Stored items:
####
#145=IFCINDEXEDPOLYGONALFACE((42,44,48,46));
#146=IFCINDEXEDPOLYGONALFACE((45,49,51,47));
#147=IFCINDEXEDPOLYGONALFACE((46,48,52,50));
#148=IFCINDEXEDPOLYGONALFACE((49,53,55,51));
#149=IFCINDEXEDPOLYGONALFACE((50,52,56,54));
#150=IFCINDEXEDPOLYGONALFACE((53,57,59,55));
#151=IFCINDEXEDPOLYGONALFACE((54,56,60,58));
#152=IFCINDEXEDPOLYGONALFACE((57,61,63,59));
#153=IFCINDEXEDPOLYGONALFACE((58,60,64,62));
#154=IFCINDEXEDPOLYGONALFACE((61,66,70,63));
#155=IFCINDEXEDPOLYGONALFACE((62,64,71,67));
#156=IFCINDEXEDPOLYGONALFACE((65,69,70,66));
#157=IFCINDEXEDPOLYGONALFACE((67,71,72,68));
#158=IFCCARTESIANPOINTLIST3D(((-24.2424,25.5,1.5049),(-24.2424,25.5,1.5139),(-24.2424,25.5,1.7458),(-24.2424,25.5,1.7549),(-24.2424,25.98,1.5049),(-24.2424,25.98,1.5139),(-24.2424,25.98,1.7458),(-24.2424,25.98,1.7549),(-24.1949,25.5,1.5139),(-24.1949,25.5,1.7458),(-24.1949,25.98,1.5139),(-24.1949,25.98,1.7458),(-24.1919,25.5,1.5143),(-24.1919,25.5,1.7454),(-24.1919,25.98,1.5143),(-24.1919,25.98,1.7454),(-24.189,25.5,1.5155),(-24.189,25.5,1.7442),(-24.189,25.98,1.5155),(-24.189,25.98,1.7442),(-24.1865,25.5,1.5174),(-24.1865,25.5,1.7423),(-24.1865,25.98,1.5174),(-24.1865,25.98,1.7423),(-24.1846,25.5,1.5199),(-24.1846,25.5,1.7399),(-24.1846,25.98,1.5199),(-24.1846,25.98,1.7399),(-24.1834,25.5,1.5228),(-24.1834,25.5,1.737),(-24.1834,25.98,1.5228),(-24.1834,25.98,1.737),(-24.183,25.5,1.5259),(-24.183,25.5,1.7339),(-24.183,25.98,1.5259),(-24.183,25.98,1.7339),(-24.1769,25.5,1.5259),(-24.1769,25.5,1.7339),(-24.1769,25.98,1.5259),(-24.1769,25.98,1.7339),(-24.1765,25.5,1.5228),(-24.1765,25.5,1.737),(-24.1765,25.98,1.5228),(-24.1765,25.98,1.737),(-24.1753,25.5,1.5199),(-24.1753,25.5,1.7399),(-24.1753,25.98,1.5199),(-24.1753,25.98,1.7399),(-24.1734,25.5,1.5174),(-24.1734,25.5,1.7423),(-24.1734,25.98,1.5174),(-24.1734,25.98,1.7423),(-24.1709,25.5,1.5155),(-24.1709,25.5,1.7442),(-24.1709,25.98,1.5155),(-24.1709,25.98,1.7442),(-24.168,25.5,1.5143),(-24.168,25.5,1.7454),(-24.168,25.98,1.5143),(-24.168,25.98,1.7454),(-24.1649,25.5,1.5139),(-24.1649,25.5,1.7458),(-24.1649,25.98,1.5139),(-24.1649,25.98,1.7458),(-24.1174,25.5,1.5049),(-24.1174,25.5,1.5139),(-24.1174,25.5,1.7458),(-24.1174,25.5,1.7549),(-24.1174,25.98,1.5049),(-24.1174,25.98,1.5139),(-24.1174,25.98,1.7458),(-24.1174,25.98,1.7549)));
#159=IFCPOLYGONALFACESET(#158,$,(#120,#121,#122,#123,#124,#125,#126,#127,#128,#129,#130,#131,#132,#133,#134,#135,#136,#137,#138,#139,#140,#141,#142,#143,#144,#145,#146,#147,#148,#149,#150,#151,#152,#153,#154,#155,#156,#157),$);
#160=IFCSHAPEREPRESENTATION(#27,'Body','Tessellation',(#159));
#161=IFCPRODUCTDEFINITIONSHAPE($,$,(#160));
####
Directions: Exactly as they appear above, the records are to be transcribed in full.

Output below:
#145=IFCINDEXEDPOLYGONALFACE((42,44,48,46));
#146=IFCINDEXEDPOLYGONALFACE((45,49,51,47));
#147=IFCINDEXEDPOLYGONALFACE((46,48,52,50));
#148=IFCINDEXEDPOLYGONALFACE((49,53,55,51));
#149=IFCINDEXEDPOLYGONALFACE((50,52,56,54));
#150=IFCINDEXEDPOLYGONALFACE((53,57,59,55));
#151=IFCINDEXEDPOLYGONALFACE((54,56,60,58));
#152=IFCINDEXEDPOLYGONALFACE((57,61,63,59));
#153=IFCINDEXEDPOLYGONALFACE((58,60,64,62));
#154=IFCINDEXEDPOLYGONALFACE((61,66,70,63));
#155=IFCINDEXEDPOLYGONALFACE((62,64,71,67));
#156=IFCINDEXEDPOLYGONALFACE((65,69,70,66));
#157=IFCINDEXEDPOLYGONALFACE((67,71,72,68));
#158=IFCCARTESIANPOINTLIST3D(((-24.2424,25.5,1.5049),(-24.2424,25.5,1.5139),(-24.2424,25.5,1.7458),(-24.2424,25.5,1.7549),(-24.2424,25.98,1.5049),(-24.2424,25.98,1.5139),(-24.2424,25.98,1.7458),(-24.2424,25.98,1.7549),(-24.1949,25.5,1.5139),(-24.1949,25.5,1.7458),(-24.1949,25.98,1.5139),(-24.1949,25.98,1.7458),(-24.1919,25.5,1.5143),(-24.1919,25.5,1.7454),(-24.1919,25.98,1.5143),(-24.1919,25.98,1.7454),(-24.189,25.5,1.5155),(-24.189,25.5,1.7442),(-24.189,25.98,1.5155),(-24.189,25.98,1.7442),(-24.1865,25.5,1.5174),(-24.1865,25.5,1.7423),(-24.1865,25.98,1.5174),(-24.1865,25.98,1.7423),(-24.1846,25.5,1.5199),(-24.1846,25.5,1.7399),(-24.1846,25.98,1.5199),(-24.1846,25.98,1.7399),(-24.1834,25.5,1.5228),(-24.1834,25.5,1.737),(-24.1834,25.98,1.5228),(-24.1834,25.98,1.737),(-24.183,25.5,1.5259),(-24.183,25.5,1.7339),(-24.183,25.98,1.5259),(-24.183,25.98,1.7339),(-24.1769,25.5,1.5259),(-24.1769,25.5,1.7339),(-24.1769,25.98,1.5259),(-24.1769,25.98,1.7339),(-24.1765,25.5,1.5228),(-24.1765,25.5,1.737),(-24.1765,25.98,1.5228),(-24.1765,25.98,1.737),(-24.1753,25.5,1.5199),(-24.1753,25.5,1.7399),(-24.1753,25.98,1.5199),(-24.1753,25.98,1.7399),(-24.1734,25.5,1.5174),(-24.1734,25.5,1.7423),(-24.1734,25.98,1.5174),(-24.1734,25.98,1.7423),(-24.1709,25.5,1.5155),(-24.1709,25.5,1.7442),(-24.1709,25.98,1.5155),(-24.1709,25.98,1.7442),(-24.168,25.5,1.5143),(-24.168,25.5,1.7454),(-24.168,25.98,1.5143),(-24.168,25.98,1.7454),(-24.1649,25.5,1.5139),(-24.1649,25.5,1.7458),(-24.1649,25.98,1.5139),(-24.1649,25.98,1.7458),(-24.1174,25.5,1.5049),(-24.1174,25.5,1.5139),(-24.1174,25.5,1.7458),(-24.1174,25.5,1.7549),(-24.1174,25.98,1.5049),(-24.1174,25.98,1.5139),(-24.1174,25.98,1.7458),(-24.1174,25.98,1.7549)));
#159=IFCPOLYGONALFACESET(#158,$,(#120,#121,#122,#123,#124,#125,#126,#127,#128,#129,#130,#131,#132,#133,#134,#135,#136,#137,#138,#139,#140,#141,#142,#143,#144,#145,#146,#147,#148,#149,#150,#151,#152,#153,#154,#155,#156,#157),$);
#160=IFCSHAPEREPRESENTATION(#27,'Body','Tessellation',(#159));
#161=IFCPRODUCTDEFINITIONSHAPE($,$,(#160));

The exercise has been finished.